Stored data entries
—————
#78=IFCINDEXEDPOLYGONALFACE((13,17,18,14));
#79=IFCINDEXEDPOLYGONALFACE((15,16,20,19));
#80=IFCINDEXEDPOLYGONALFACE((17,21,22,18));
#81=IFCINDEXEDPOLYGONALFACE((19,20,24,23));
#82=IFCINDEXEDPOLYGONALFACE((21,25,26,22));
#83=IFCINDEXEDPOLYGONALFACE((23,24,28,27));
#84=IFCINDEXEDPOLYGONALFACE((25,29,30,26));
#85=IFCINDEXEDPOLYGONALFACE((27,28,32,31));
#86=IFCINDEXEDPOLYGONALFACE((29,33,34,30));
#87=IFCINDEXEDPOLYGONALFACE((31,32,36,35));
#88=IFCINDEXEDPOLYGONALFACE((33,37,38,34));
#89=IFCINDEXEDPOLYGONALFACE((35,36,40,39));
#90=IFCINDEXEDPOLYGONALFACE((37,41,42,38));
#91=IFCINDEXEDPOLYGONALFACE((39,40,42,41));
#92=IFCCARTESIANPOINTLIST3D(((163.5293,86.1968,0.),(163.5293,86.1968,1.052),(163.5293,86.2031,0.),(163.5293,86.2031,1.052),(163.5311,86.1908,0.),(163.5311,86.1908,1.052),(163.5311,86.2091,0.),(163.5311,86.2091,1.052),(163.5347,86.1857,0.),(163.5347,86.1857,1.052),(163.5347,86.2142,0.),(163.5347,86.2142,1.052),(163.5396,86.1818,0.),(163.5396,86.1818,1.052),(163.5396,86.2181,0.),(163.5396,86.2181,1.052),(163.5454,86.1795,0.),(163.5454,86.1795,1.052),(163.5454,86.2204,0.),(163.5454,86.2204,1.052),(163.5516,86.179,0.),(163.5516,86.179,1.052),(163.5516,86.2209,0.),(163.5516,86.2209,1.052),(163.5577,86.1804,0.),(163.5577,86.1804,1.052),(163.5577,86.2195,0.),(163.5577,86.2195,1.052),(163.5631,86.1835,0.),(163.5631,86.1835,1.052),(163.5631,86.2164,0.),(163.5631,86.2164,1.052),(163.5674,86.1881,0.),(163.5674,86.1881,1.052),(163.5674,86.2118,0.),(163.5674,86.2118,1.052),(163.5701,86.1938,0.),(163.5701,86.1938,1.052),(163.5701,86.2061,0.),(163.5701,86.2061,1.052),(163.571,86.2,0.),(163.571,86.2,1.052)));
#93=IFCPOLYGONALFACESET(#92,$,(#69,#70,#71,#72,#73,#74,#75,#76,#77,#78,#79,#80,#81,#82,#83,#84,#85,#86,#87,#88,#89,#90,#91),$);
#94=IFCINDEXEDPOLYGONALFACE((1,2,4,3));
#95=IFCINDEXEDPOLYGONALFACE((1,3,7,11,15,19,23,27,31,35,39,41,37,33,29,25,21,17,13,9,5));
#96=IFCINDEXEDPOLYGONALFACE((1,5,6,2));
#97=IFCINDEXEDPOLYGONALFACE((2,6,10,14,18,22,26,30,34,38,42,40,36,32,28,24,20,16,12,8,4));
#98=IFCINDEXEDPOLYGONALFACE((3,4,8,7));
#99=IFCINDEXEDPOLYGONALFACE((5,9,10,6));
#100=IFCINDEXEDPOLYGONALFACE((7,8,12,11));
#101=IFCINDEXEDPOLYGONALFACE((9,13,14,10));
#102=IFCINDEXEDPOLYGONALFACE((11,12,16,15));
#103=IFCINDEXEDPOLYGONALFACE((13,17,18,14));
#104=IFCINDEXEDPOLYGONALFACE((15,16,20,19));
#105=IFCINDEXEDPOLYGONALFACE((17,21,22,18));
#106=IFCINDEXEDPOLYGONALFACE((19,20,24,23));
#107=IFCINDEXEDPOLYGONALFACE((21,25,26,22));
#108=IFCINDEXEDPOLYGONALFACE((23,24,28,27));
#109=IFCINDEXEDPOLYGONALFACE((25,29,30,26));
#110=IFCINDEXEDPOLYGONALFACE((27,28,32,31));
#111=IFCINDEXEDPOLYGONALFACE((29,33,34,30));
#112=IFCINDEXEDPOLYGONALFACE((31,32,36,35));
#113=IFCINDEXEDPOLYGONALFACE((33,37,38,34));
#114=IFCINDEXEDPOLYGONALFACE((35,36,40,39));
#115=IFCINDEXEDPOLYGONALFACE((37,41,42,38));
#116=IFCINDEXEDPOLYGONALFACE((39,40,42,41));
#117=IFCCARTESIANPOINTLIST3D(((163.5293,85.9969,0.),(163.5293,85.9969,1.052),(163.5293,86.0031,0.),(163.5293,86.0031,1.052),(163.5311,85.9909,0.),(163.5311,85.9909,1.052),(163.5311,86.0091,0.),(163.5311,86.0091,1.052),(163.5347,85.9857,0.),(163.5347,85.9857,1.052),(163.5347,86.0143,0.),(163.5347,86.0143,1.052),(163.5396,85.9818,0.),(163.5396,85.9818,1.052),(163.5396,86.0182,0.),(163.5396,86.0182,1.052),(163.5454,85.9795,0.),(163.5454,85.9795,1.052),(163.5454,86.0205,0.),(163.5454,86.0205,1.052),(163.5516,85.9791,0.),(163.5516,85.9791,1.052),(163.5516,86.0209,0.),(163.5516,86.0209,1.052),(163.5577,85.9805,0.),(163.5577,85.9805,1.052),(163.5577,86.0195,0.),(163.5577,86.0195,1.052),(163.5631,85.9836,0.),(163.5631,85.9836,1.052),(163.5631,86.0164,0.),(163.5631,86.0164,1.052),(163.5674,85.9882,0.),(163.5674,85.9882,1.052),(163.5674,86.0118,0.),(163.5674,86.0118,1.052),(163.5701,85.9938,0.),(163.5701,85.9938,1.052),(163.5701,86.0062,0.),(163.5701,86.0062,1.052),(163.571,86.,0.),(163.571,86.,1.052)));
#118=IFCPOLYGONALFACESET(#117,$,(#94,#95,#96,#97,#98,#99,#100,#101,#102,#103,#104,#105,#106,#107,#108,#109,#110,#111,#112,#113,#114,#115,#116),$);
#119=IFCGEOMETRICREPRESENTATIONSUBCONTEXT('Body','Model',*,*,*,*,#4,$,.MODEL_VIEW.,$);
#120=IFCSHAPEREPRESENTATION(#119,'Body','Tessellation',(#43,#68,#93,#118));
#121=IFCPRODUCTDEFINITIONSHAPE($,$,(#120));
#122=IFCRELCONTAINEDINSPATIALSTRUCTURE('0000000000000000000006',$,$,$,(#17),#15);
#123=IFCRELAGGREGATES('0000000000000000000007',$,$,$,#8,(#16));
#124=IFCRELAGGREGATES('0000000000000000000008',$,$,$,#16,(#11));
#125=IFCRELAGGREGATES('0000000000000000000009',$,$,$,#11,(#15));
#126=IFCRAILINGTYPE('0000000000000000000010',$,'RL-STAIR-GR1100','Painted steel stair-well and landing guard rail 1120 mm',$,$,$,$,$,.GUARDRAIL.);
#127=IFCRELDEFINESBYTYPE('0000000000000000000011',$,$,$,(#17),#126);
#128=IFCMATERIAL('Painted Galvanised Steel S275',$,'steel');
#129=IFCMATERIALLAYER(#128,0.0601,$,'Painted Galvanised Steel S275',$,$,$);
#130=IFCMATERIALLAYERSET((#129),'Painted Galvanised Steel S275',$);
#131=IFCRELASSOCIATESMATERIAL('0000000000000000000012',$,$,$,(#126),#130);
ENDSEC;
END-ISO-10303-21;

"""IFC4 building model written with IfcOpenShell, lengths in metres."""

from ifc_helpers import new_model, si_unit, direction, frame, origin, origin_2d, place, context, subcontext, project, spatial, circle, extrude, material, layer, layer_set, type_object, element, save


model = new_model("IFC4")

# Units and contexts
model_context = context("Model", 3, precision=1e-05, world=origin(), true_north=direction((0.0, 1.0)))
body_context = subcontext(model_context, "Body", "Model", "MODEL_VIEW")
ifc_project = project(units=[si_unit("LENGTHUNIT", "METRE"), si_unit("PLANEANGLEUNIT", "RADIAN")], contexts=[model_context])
—————
» What you will do
Only the last part of the records is wanted. Repeat it exactly, beginning at the line containing "#121=IFCPRODUCTDEFINITIONSHAPE($,$,(#120));" and ending at the final line.

» Exercise answer
#121=IFCPRODUCTDEFINITIONSHAPE($,$,(#120));
#122=IFCRELCONTAINEDINSPATIALSTRUCTURE('0000000000000000000006',$,$,$,(#17),#15);
#123=IFCRELAGGREGATES('0000000000000000000007',$,$,$,#8,(#16));
#124=IFCRELAGGREGATES('0000000000000000000008',$,$,$,#16,(#11));
#125=IFCRELAGGREGATES('0000000000000000000009',$,$,$,#11,(#15));
#126=IFCRAILINGTYPE('0000000000000000000010',$,'RL-STAIR-GR1100','Painted steel stair-well and landing guard rail 1120 mm',$,$,$,$,$,.GUARDRAIL.);
#127=IFCRELDEFINESBYTYPE('0000000000000000000011',$,$,$,(#17),#126);
#128=IFCMATERIAL('Painted Galvanised Steel S275',$,'steel');
#129=IFCMATERIALLAYER(#128,0.0601,$,'Painted Galvanised Steel S275',$,$,$);
#130=IFCMATERIALLAYERSET((#129),'Painted Galvanised Steel S275',$);
#131=IFCRELASSOCIATESMATERIAL('0000000000000000000012',$,$,$,(#126),#130);
ENDSEC;
END-ISO-10303-21;

"""IFC4 building model written with IfcOpenShell, lengths in metres."""

from ifc_helpers import new_model, si_unit, direction, frame, origin, origin_2d, place, context, subcontext, project, spatial, circle, extrude, material, layer, layer_set, type_object, element, save


model = new_model("IFC4")

# Units and contexts
model_context = context("Model", 3, precision=1e-05, world=origin(), true_north=direction((0.0, 1.0)))
body_context = subcontext(model_context, "Body", "Model", "MODEL_VIEW")
ifc_project = project(units=[si_unit("LENGTHUNIT", "METRE"), si_unit("PLANEANGLEUNIT", "RADIAN")], contexts=[model_context])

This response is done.